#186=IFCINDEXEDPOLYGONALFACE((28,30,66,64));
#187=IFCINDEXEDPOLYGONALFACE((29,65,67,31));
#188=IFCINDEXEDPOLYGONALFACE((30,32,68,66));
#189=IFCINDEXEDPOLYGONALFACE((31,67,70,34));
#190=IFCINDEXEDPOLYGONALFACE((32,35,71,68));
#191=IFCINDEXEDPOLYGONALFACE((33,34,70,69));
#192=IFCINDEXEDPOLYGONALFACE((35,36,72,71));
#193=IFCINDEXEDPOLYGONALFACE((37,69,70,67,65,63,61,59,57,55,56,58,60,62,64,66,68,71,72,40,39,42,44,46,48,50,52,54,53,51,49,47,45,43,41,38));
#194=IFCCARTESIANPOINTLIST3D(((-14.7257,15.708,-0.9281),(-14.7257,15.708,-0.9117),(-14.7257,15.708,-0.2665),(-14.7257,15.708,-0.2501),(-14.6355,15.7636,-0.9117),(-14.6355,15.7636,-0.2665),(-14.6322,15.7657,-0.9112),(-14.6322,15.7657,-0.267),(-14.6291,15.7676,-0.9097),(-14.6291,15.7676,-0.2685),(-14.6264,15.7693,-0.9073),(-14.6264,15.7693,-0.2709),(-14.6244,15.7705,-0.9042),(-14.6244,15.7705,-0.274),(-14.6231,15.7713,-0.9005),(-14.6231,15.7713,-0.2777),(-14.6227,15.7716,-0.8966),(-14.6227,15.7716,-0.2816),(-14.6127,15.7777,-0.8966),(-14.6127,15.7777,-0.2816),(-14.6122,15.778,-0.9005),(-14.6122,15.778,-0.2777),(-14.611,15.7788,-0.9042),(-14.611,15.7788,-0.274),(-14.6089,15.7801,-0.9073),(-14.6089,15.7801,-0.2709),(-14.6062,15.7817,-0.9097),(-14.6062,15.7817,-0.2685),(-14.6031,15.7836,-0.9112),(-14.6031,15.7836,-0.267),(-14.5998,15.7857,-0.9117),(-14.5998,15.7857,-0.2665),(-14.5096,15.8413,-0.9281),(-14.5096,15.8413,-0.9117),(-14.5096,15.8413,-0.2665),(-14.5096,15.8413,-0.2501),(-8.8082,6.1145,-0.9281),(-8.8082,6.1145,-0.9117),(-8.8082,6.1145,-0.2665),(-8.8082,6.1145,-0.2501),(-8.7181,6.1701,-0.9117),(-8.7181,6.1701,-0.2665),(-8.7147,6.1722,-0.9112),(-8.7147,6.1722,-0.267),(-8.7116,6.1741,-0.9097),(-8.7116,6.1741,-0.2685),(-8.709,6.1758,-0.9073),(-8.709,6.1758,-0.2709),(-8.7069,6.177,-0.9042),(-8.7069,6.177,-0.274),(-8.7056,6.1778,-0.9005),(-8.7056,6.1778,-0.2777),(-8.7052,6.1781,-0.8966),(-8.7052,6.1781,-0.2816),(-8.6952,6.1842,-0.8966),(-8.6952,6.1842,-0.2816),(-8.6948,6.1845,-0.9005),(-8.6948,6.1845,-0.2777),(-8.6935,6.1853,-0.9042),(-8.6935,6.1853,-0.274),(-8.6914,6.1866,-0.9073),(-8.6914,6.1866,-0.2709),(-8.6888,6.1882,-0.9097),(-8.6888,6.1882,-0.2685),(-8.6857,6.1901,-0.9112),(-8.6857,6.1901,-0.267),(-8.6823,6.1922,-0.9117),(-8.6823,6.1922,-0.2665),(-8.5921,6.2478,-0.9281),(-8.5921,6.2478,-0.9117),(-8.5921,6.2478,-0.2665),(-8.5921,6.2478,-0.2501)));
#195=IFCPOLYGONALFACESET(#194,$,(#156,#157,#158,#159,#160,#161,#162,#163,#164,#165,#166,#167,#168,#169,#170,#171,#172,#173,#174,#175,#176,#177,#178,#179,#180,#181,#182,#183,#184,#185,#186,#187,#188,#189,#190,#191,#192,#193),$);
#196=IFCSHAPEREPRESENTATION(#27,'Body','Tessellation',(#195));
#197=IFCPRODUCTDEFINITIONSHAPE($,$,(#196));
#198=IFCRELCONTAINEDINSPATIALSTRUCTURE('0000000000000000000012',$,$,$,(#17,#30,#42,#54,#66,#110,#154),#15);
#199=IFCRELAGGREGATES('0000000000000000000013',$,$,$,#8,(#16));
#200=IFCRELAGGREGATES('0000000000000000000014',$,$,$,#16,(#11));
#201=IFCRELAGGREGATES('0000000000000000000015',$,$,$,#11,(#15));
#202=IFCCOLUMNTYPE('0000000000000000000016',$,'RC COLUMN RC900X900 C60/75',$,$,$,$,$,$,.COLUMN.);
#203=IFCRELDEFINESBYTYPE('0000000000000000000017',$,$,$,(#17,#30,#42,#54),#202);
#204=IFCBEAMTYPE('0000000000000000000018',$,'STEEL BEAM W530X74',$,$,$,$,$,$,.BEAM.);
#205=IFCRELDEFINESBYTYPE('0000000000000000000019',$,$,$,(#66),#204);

**EXERCISE REQUIREMENTS:** Please set down each line of the records exactly as given.

**SOLUTION FOR THIS PROBLEM:**
#186=IFCINDEXEDPOLYGONALFACE((28,30,66,64));
#187=IFCINDEXEDPOLYGONALFACE((29,65,67,31));
#188=IFCINDEXEDPOLYGONALFACE((30,32,68,66));
#189=IFCINDEXEDPOLYGONALFACE((31,67,70,34));
#190=IFCINDEXEDPOLYGONALFACE((32,35,71,68));
#191=IFCINDEXEDPOLYGONALFACE((33,34,70,69));
#192=IFCINDEXEDPOLYGONALFACE((35,36,72,71));
#193=IFCINDEXEDPOLYGONALFACE((37,69,70,67,65,63,61,59,57,55,56,58,60,62,64,66,68,71,72,40,39,42,44,46,48,50,52,54,53,51,49,47,45,43,41,38));
#194=IFCCARTESIANPOINTLIST3D(((-14.7257,15.708,-0.9281),(-14.7257,15.708,-0.9117),(-14.7257,15.708,-0.2665),(-14.7257,15.708,-0.2501),(-14.6355,15.7636,-0.9117),(-14.6355,15.7636,-0.2665),(-14.6322,15.7657,-0.9112),(-14.6322,15.7657,-0.267),(-14.6291,15.7676,-0.9097),(-14.6291,15.7676,-0.2685),(-14.6264,15.7693,-0.9073),(-14.6264,15.7693,-0.2709),(-14.6244,15.7705,-0.9042),(-14.6244,15.7705,-0.274),(-14.6231,15.7713,-0.9005),(-14.6231,15.7713,-0.2777),(-14.6227,15.7716,-0.8966),(-14.6227,15.7716,-0.2816),(-14.6127,15.7777,-0.8966),(-14.6127,15.7777,-0.2816),(-14.6122,15.778,-0.9005),(-14.6122,15.778,-0.2777),(-14.611,15.7788,-0.9042),(-14.611,15.7788,-0.274),(-14.6089,15.7801,-0.9073),(-14.6089,15.7801,-0.2709),(-14.6062,15.7817,-0.9097),(-14.6062,15.7817,-0.2685),(-14.6031,15.7836,-0.9112),(-14.6031,15.7836,-0.267),(-14.5998,15.7857,-0.9117),(-14.5998,15.7857,-0.2665),(-14.5096,15.8413,-0.9281),(-14.5096,15.8413,-0.9117),(-14.5096,15.8413,-0.2665),(-14.5096,15.8413,-0.2501),(-8.8082,6.1145,-0.9281),(-8.8082,6.1145,-0.9117),(-8.8082,6.1145,-0.2665),(-8.8082,6.1145,-0.2501),(-8.7181,6.1701,-0.9117),(-8.7181,6.1701,-0.2665),(-8.7147,6.1722,-0.9112),(-8.7147,6.1722,-0.267),(-8.7116,6.1741,-0.9097),(-8.7116,6.1741,-0.2685),(-8.709,6.1758,-0.9073),(-8.709,6.1758,-0.2709),(-8.7069,6.177,-0.9042),(-8.7069,6.177,-0.274),(-8.7056,6.1778,-0.9005),(-8.7056,6.1778,-0.2777),(-8.7052,6.1781,-0.8966),(-8.7052,6.1781,-0.2816),(-8.6952,6.1842,-0.8966),(-8.6952,6.1842,-0.2816),(-8.6948,6.1845,-0.9005),(-8.6948,6.1845,-0.2777),(-8.6935,6.1853,-0.9042),(-8.6935,6.1853,-0.274),(-8.6914,6.1866,-0.9073),(-8.6914,6.1866,-0.2709),(-8.6888,6.1882,-0.9097),(-8.6888,6.1882,-0.2685),(-8.6857,6.1901,-0.9112),(-8.6857,6.1901,-0.267),(-8.6823,6.1922,-0.9117),(-8.6823,6.1922,-0.2665),(-8.5921,6.2478,-0.9281),(-8.5921,6.2478,-0.9117),(-8.5921,6.2478,-0.2665),(-8.5921,6.2478,-0.2501)));
#195=IFCPOLYGONALFACESET(#194,$,(#156,#157,#158,#159,#160,#161,#162,#163,#164,#165,#166,#167,#168,#169,#170,#171,#172,#173,#174,#175,#176,#177,#178,#179,#180,#181,#182,#183,#184,#185,#186,#187,#188,#189,#190,#191,#192,#193),$);
#196=IFCSHAPEREPRESENTATION(#27,'Body','Tessellation',(#195));
#197=IFCPRODUCTDEFINITIONSHAPE($,$,(#196));
#198=IFCRELCONTAINEDINSPATIALSTRUCTURE('0000000000000000000012',$,$,$,(#17,#30,#42,#54,#66,#110,#154),#15);
#199=IFCRELAGGREGATES('0000000000000000000013',$,$,$,#8,(#16));
#200=IFCRELAGGREGATES('0000000000000000000014',$,$,$,#16,(#11));
#201=IFCRELAGGREGATES('0000000000000000000015',$,$,$,#11,(#15));
#202=IFCCOLUMNTYPE('0000000000000000000016',$,'RC COLUMN RC900X900 C60/75',$,$,$,$,$,$,.COLUMN.);
#203=IFCRELDEFINESBYTYPE('0000000000000000000017',$,$,$,(#17,#30,#42,#54),#202);
#204=IFCBEAMTYPE('0000000000000000000018',$,'STEEL BEAM W530X74',$,$,$,$,$,$,.BEAM.);
#205=IFCRELDEFINESBYTYPE('0000000000000000000019',$,$,$,(#66),#204);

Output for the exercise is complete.